The task: Are you able to quote each entry exactly as written?
(Available data)
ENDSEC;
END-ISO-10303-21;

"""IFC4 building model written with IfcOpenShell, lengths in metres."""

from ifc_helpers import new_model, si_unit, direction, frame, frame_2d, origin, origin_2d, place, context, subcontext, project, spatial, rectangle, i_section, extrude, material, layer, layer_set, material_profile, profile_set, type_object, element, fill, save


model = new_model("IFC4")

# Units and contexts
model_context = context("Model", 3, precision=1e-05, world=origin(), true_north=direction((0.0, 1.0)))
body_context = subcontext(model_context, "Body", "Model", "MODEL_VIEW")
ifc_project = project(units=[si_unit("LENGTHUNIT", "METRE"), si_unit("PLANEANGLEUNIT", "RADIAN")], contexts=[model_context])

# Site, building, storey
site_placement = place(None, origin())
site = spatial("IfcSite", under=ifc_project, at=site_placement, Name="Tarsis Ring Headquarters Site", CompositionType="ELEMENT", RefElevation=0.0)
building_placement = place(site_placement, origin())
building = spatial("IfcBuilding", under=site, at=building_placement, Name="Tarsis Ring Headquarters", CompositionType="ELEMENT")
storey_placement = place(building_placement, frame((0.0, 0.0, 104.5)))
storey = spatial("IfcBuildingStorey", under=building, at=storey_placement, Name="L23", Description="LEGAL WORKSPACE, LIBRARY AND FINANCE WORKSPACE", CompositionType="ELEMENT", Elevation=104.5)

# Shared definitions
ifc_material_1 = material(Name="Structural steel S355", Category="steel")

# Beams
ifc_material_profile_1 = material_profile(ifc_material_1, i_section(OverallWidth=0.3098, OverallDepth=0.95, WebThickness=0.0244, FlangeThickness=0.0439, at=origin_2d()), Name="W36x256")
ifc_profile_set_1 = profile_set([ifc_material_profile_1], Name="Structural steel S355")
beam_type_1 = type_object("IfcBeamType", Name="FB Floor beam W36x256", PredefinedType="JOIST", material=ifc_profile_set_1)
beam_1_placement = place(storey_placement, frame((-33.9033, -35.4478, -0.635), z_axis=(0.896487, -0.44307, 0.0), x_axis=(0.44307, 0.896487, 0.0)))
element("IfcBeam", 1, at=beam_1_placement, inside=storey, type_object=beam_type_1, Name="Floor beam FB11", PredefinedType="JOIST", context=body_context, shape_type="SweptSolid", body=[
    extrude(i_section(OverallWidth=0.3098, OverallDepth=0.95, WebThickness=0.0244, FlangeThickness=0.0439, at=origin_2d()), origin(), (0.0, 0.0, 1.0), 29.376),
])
(End Available data)
Task response:
ENDSEC;
END-ISO-10303-21;

"""IFC4 building model written with IfcOpenShell, lengths in metres."""

from ifc_helpers import new_model, si_unit, direction, frame, frame_2d, origin, origin_2d, place, context, subcontext, project, spatial, rectangle, i_section, extrude, material, layer, layer_set, material_profile, profile_set, type_object, element, fill, save


model = new_model("IFC4")

# Units and contexts
model_context = context("Model", 3, precision=1e-05, world=origin(), true_north=direction((0.0, 1.0)))
body_context = subcontext(model_context, "Body", "Model", "MODEL_VIEW")
ifc_project = project(units=[si_unit("LENGTHUNIT", "METRE"), si_unit("PLANEANGLEUNIT", "RADIAN")], contexts=[model_context])

# Site, building, storey
site_placement = place(None, origin())
site = spatial("IfcSite", under=ifc_project, at=site_placement, Name="Tarsis Ring Headquarters Site", CompositionType="ELEMENT", RefElevation=0.0)
building_placement = place(site_placement, origin())
building = spatial("IfcBuilding", under=site, at=building_placement, Name="Tarsis Ring Headquarters", CompositionType="ELEMENT")
storey_placement = place(building_placement, frame((0.0, 0.0, 104.5)))
storey = spatial("IfcBuildingStorey", under=building, at=storey_placement, Name="L23", Description="LEGAL WORKSPACE, LIBRARY AND FINANCE WORKSPACE", CompositionType="ELEMENT", Elevation=104.5)

# Shared definitions
ifc_material_1 = material(Name="Structural steel S355", Category="steel")

# Beams
ifc_material_profile_1 = material_profile(ifc_material_1, i_section(OverallWidth=0.3098, OverallDepth=0.95, WebThickness=0.0244, FlangeThickness=0.0439, at=origin_2d()), Name="W36x256")
ifc_profile_set_1 = profile_set([ifc_material_profile_1], Name="Structural steel S355")
beam_type_1 = type_object("IfcBeamType", Name="FB Floor beam W36x256", PredefinedType="JOIST", material=ifc_profile_set_1)
beam_1_placement = place(storey_placement, frame((-33.9033, -35.4478, -0.635), z_axis=(0.896487, -0.44307, 0.0), x_axis=(0.44307, 0.896487, 0.0)))
element("IfcBeam", 1, at=beam_1_placement, inside=storey, type_object=beam_type_1, Name="Floor beam FB11", PredefinedType="JOIST", context=body_context, shape_type="SweptSolid", body=[
    extrude(i_section(OverallWidth=0.3098, OverallDepth=0.95, WebThickness=0.0244, FlangeThickness=0.0439, at=origin_2d()), origin(), (0.0, 0.0, 1.0), 29.376),
])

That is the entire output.